When a line contains the string "spatial", it counts once; give the total of such lines in the entries below and nothing else.

BEGIN EXERCISE DATA

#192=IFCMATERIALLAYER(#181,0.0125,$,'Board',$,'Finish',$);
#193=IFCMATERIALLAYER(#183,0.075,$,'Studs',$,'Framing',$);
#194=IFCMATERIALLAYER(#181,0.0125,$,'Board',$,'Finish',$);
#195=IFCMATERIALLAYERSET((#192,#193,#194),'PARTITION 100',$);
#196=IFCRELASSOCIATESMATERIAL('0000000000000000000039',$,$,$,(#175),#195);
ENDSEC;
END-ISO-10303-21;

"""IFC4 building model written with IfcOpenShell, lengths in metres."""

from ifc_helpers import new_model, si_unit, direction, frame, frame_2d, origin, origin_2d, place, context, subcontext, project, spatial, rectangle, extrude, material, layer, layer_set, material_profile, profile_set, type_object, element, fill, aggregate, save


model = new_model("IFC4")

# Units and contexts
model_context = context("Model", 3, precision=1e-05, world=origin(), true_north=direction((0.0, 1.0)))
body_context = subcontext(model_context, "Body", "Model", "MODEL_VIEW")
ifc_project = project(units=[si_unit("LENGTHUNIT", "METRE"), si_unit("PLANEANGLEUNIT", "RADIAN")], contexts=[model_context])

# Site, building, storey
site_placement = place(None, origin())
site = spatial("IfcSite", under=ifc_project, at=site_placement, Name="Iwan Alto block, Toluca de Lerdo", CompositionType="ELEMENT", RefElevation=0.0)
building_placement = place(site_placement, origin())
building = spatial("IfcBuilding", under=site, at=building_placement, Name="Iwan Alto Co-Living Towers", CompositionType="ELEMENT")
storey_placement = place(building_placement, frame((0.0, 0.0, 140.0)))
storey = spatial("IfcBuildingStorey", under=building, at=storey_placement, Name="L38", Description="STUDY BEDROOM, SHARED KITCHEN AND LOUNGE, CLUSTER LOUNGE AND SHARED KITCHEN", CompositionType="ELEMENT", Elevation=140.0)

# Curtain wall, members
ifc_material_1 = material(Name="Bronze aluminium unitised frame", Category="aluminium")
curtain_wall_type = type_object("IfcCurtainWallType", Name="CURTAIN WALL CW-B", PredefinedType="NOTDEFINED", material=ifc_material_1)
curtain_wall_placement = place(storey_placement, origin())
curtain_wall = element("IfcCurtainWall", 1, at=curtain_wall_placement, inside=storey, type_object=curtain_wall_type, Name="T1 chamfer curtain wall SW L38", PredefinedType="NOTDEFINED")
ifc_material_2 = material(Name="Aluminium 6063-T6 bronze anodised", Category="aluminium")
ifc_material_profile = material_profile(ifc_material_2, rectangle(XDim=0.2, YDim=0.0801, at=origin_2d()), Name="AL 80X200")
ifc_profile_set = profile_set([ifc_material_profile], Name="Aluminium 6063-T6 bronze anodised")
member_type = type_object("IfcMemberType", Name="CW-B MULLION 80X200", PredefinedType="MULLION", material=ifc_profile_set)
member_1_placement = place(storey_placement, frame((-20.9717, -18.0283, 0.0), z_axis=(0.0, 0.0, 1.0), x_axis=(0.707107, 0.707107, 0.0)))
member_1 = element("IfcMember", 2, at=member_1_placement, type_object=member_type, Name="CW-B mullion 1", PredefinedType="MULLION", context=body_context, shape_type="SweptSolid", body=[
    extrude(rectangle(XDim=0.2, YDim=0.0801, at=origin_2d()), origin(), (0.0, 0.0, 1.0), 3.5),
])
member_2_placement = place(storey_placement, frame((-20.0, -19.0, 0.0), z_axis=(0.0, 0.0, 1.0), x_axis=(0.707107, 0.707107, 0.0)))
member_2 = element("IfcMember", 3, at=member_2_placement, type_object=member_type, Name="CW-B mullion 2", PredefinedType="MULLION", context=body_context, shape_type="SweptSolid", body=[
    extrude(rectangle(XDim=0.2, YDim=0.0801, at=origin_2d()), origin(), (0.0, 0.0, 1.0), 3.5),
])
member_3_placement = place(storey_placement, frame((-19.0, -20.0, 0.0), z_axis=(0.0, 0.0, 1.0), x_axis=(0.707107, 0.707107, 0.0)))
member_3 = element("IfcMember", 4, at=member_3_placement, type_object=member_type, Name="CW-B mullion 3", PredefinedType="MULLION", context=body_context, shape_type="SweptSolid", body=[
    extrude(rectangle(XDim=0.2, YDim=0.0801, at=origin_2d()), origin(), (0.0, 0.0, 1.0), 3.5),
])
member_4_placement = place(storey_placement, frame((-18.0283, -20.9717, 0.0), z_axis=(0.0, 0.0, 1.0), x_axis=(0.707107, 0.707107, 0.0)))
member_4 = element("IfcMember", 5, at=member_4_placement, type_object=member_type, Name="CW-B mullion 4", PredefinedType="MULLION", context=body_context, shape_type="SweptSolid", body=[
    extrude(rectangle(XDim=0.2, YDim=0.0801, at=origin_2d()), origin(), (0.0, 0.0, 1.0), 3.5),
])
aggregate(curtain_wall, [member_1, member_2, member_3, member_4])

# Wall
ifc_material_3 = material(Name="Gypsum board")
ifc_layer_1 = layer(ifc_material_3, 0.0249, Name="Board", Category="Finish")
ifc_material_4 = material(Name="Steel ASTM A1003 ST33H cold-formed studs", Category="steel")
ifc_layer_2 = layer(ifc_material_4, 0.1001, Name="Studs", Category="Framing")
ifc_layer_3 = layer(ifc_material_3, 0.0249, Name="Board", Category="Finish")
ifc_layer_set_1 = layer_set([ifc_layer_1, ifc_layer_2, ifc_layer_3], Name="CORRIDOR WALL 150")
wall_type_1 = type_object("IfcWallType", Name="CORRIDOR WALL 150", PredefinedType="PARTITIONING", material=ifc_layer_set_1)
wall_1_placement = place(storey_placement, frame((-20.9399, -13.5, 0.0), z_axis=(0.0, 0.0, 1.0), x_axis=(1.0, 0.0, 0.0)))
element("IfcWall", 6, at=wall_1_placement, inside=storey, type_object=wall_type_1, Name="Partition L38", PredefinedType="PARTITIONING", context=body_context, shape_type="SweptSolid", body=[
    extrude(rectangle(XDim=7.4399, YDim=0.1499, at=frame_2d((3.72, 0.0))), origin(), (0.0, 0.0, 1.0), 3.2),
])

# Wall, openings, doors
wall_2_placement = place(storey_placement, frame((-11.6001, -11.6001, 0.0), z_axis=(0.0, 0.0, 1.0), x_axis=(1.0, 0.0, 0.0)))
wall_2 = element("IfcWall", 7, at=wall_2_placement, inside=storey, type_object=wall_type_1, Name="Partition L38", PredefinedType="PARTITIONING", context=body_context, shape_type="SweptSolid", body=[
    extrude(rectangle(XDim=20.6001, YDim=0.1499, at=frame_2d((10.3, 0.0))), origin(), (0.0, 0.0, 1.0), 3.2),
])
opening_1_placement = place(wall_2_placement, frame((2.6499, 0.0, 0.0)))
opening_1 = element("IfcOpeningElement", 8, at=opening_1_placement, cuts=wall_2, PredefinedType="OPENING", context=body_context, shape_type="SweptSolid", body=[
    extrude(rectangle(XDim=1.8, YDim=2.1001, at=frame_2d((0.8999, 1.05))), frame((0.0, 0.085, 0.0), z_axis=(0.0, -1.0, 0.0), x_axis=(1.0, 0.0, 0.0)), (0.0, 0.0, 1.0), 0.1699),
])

END EXERCISE DATA

§ **SOLUTION**
4